# [What this task involves]
Word for word, restate the lines from the start of the data below through the line containing "#205=IFCMATERIAL('Gypsum shaftwall liner',$,$);".

# [Recorded data]
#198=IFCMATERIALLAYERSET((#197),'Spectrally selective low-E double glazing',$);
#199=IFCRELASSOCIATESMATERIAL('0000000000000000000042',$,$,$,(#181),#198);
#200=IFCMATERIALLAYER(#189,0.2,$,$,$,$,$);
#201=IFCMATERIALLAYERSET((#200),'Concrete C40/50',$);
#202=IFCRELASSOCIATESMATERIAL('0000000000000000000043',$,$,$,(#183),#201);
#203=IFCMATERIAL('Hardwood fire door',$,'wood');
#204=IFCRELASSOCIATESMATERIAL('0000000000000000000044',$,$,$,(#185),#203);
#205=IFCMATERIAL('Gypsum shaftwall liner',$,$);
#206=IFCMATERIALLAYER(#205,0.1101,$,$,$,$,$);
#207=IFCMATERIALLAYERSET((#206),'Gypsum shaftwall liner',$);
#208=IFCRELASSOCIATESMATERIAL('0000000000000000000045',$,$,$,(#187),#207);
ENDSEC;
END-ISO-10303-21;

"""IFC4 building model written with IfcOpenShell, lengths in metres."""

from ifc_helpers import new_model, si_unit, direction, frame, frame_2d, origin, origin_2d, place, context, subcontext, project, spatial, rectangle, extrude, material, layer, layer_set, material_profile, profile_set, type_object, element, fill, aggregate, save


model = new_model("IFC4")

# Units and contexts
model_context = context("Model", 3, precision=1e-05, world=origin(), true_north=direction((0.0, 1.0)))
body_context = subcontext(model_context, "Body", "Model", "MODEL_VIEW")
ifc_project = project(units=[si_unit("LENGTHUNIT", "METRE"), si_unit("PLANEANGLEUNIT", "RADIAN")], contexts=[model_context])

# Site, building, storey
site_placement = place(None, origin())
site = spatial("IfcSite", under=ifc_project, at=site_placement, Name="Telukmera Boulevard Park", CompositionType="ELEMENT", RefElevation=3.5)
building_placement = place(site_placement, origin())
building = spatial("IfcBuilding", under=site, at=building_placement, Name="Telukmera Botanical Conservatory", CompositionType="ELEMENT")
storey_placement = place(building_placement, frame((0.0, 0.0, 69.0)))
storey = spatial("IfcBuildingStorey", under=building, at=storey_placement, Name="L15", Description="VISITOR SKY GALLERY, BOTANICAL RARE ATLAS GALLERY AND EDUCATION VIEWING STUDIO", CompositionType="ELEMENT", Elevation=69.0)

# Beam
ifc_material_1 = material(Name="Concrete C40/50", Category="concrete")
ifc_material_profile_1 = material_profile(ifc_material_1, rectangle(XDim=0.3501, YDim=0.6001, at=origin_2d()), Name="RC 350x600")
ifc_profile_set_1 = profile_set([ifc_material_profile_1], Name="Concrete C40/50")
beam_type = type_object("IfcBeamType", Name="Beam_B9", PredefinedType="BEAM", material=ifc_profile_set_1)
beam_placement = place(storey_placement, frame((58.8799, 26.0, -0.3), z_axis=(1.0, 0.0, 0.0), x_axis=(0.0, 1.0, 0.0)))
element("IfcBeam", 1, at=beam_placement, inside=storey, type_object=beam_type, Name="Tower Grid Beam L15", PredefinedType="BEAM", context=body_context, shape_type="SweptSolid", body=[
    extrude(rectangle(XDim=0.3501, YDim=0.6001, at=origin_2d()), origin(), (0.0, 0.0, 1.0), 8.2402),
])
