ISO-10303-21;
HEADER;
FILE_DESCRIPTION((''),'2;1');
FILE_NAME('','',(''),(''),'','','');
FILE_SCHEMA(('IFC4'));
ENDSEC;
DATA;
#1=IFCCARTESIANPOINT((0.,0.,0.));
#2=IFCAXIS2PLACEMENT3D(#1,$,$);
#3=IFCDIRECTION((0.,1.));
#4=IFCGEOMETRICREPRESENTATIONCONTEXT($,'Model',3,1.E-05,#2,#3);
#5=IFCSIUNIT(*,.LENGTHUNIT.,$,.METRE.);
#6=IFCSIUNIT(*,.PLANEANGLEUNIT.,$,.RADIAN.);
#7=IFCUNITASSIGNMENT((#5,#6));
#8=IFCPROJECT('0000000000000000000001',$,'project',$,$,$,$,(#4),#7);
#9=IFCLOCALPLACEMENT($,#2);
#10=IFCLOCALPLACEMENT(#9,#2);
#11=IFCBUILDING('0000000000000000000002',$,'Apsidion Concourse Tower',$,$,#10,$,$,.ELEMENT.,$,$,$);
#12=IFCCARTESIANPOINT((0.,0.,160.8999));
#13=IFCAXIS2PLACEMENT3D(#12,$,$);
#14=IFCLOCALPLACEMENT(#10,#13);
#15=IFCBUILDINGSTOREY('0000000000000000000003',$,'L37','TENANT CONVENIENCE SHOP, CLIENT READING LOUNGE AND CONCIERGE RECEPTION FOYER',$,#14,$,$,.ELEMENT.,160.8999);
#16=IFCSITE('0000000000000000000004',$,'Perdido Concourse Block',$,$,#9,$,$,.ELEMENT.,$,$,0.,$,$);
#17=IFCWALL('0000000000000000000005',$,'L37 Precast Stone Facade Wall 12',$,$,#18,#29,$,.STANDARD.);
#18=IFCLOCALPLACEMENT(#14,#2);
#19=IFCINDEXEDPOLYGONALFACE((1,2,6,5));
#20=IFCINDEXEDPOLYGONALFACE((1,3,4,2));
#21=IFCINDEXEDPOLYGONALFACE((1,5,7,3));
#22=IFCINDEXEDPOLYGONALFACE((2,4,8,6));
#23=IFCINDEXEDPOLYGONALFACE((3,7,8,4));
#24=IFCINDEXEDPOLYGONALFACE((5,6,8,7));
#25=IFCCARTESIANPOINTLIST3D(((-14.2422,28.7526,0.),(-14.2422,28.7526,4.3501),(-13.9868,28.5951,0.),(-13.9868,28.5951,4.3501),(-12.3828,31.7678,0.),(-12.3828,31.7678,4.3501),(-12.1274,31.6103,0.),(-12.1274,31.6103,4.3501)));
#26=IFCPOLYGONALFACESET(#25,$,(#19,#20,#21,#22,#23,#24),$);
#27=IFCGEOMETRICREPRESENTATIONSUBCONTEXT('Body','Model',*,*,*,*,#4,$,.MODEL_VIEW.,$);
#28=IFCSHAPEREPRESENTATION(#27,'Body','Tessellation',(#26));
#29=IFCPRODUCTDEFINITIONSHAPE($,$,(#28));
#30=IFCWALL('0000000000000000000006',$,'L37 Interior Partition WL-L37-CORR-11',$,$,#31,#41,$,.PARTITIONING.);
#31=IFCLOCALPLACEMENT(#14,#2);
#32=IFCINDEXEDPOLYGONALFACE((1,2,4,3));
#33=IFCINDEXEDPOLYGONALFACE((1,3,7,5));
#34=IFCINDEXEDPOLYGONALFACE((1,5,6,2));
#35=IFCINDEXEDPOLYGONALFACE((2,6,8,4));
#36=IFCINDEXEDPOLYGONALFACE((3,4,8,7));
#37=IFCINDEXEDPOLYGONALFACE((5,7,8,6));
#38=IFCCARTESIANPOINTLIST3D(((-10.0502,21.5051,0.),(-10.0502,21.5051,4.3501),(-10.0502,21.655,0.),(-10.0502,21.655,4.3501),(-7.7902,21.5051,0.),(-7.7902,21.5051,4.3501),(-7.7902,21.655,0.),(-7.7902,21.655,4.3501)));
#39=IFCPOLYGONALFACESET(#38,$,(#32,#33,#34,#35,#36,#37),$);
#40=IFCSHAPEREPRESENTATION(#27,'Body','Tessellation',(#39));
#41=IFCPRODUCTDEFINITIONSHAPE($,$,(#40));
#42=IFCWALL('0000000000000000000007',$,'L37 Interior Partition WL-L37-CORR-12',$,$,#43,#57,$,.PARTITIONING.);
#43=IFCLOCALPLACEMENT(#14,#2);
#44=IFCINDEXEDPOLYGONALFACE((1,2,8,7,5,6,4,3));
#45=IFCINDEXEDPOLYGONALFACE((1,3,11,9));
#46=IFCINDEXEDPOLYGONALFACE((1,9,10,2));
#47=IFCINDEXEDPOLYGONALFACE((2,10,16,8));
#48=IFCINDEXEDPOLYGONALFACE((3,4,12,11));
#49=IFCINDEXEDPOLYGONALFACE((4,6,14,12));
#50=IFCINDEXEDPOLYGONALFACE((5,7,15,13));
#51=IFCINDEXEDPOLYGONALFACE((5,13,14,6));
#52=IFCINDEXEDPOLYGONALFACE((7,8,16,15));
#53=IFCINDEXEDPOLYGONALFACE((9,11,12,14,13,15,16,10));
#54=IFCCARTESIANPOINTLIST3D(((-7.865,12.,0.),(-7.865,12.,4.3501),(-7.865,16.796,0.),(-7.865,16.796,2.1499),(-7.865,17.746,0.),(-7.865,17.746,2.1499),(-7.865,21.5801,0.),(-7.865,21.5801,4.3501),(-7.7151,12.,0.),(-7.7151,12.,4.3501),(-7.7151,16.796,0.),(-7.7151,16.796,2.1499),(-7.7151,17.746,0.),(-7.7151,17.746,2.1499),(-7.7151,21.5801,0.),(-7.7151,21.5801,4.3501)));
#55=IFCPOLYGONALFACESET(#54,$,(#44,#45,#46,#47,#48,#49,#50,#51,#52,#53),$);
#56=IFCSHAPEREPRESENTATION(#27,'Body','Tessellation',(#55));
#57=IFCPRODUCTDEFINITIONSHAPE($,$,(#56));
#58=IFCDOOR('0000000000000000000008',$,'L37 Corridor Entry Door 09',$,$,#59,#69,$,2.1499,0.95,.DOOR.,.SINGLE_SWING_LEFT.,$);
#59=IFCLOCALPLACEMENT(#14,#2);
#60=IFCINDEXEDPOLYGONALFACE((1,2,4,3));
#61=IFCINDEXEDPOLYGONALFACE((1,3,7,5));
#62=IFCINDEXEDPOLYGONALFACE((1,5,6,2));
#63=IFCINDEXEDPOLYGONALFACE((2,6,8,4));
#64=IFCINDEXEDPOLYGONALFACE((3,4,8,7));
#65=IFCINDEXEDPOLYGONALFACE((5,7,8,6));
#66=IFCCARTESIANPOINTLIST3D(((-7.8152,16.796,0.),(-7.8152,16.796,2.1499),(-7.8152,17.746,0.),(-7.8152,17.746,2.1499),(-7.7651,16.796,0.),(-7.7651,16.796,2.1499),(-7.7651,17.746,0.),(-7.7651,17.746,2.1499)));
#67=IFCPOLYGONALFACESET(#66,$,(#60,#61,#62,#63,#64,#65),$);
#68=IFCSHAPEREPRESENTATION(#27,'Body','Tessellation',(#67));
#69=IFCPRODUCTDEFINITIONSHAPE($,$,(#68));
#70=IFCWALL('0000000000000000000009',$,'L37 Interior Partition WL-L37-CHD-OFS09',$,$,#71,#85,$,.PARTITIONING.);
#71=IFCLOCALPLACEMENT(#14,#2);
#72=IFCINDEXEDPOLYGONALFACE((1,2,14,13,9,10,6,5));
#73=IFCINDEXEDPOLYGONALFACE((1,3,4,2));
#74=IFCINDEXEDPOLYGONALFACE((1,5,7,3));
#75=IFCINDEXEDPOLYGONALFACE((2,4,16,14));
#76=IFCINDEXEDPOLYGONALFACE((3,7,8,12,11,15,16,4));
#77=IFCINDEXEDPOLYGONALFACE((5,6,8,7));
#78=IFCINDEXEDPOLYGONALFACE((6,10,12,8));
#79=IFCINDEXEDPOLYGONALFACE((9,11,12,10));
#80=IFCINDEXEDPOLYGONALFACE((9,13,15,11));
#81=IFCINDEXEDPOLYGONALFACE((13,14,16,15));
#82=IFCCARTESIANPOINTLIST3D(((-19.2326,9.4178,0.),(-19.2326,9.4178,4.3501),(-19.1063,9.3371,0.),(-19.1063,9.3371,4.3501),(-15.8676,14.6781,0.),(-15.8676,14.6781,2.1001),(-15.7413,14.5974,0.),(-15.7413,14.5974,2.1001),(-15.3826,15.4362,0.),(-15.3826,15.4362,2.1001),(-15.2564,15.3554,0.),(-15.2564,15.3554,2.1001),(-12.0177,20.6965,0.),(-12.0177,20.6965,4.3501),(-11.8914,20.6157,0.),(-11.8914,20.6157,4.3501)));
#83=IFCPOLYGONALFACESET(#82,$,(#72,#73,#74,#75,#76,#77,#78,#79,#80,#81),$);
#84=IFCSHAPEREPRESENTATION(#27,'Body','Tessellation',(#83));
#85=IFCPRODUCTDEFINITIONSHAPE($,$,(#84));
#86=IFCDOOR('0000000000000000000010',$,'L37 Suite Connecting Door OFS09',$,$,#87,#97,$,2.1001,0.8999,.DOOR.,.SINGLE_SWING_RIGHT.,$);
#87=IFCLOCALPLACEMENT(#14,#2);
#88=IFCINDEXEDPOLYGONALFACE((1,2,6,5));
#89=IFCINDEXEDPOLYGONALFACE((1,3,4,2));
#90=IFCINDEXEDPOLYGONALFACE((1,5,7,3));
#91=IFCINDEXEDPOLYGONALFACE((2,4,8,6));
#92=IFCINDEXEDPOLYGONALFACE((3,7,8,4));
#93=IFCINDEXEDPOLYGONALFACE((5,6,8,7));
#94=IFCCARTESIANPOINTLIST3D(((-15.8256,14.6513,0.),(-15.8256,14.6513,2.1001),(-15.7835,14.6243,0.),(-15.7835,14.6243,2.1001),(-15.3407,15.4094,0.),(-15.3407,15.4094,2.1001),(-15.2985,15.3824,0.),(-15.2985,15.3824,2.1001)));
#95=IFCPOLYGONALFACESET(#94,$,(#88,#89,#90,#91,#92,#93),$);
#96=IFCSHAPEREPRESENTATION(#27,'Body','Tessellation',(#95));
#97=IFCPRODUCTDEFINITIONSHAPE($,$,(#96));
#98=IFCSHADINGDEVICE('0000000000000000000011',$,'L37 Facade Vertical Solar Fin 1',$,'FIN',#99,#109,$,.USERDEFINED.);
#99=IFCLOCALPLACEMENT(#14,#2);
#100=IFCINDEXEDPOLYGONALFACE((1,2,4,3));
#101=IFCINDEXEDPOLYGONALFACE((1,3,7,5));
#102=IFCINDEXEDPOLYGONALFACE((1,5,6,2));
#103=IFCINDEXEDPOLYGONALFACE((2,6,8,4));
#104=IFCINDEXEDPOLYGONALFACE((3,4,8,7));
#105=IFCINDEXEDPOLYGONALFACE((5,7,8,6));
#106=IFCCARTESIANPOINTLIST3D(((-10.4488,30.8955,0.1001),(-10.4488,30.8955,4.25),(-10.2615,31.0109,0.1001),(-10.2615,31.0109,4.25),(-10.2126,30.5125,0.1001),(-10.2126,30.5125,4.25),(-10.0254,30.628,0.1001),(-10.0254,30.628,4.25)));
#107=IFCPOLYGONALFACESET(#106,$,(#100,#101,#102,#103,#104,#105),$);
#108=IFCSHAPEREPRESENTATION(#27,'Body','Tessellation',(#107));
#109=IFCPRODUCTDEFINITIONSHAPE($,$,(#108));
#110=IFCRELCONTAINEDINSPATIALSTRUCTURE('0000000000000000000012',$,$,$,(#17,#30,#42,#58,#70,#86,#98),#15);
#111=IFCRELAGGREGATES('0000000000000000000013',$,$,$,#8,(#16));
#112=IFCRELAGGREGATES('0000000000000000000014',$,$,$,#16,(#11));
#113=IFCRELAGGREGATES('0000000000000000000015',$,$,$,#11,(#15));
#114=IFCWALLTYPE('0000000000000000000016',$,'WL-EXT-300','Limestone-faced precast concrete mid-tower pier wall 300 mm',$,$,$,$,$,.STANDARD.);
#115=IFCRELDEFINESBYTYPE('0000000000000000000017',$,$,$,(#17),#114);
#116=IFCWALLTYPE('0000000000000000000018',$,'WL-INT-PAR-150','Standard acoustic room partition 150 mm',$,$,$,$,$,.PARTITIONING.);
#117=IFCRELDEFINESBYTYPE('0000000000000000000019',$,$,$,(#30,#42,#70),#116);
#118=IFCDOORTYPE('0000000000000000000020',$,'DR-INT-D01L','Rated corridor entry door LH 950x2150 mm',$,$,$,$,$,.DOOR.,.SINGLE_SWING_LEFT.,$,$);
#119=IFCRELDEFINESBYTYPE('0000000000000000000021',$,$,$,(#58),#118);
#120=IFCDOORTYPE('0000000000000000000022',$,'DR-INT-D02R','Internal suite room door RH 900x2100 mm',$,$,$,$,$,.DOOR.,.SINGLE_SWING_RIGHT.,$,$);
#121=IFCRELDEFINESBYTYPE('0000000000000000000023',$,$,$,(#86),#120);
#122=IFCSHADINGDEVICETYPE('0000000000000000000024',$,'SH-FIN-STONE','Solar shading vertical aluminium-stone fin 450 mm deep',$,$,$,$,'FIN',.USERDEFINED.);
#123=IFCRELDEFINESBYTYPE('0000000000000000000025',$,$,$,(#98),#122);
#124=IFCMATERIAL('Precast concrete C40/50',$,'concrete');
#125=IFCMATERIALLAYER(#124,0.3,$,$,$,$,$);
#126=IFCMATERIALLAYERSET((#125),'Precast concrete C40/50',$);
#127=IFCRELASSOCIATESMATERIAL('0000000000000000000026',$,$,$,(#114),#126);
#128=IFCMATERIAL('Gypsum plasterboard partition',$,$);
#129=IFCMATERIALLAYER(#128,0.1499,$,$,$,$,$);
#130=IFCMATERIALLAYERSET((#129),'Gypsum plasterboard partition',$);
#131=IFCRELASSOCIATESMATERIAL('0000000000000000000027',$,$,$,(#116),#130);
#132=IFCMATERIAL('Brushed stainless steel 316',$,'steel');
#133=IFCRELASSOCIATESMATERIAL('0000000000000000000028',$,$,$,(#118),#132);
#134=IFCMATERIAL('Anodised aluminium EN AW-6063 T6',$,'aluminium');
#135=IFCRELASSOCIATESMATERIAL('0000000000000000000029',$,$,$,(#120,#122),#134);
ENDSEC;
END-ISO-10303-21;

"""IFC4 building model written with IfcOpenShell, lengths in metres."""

from ifc_helpers import new_model, si_unit, direction, frame, frame_2d, origin, origin_2d, place, context, subcontext, project, spatial, rectangle, extrude, material, layer, layer_set, type_object, element, fill, save


model = new_model("IFC4")

# Units and contexts
model_context = context("Model", 3, precision=1e-05, world=origin(), true_north=direction((0.0, 1.0)))
body_context = subcontext(model_context, "Body", "Model", "MODEL_VIEW")
ifc_project = project(units=[si_unit("LENGTHUNIT", "METRE"), si_unit("PLANEANGLEUNIT", "RADIAN")], contexts=[model_context])

# Site, building, storey
site_placement = place(None, origin())
site = spatial("IfcSite", under=ifc_project, at=site_placement, Name="Perdido Concourse Block", CompositionType="ELEMENT", RefElevation=0.0)
building_placement = place(site_placement, origin())
building = spatial("IfcBuilding", under=site, at=building_placement, Name="Apsidion Concourse Tower", CompositionType="ELEMENT")
storey_placement = place(building_placement, frame((0.0, 0.0, 160.8999)))
storey = spatial("IfcBuildingStorey", under=building, at=storey_placement, Name="L37", Description="TENANT CONVENIENCE SHOP, CLIENT READING LOUNGE AND CONCIERGE RECEPTION FOYER", CompositionType="ELEMENT", Elevation=160.8999)

# Shared definitions
ifc_material_1 = material(Name="Precast concrete C40/50", Category="concrete")
ifc_layer_1 = layer(ifc_material_1, 0.3)
ifc_layer_set_1 = layer_set([ifc_layer_1], Name="Precast concrete C40/50")
wall_type_1 = type_object("IfcWallType", Name="WL-EXT-300", Description="Limestone-faced precast concrete mid-tower pier wall 300 mm", PredefinedType="STANDARD", material=ifc_layer_set_1)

# [Solution]
#198=IFCMATERIALLAYERSET((#197),'Spectrally selective low-E double glazing',$);
#199=IFCRELASSOCIATESMATERIAL('0000000000000000000042',$,$,$,(#181),#198);
#200=IFCMATERIALLAYER(#189,0.2,$,$,$,$,$);
#201=IFCMATERIALLAYERSET((#200),'Concrete C40/50',$);
#202=IFCRELASSOCIATESMATERIAL('0000000000000000000043',$,$,$,(#183),#201);
#203=IFCMATERIAL('Hardwood fire door',$,'wood');
#204=IFCRELASSOCIATESMATERIAL('0000000000000000000044',$,$,$,(#185),#203);
#205=IFCMATERIAL('Gypsum shaftwall liner',$,$);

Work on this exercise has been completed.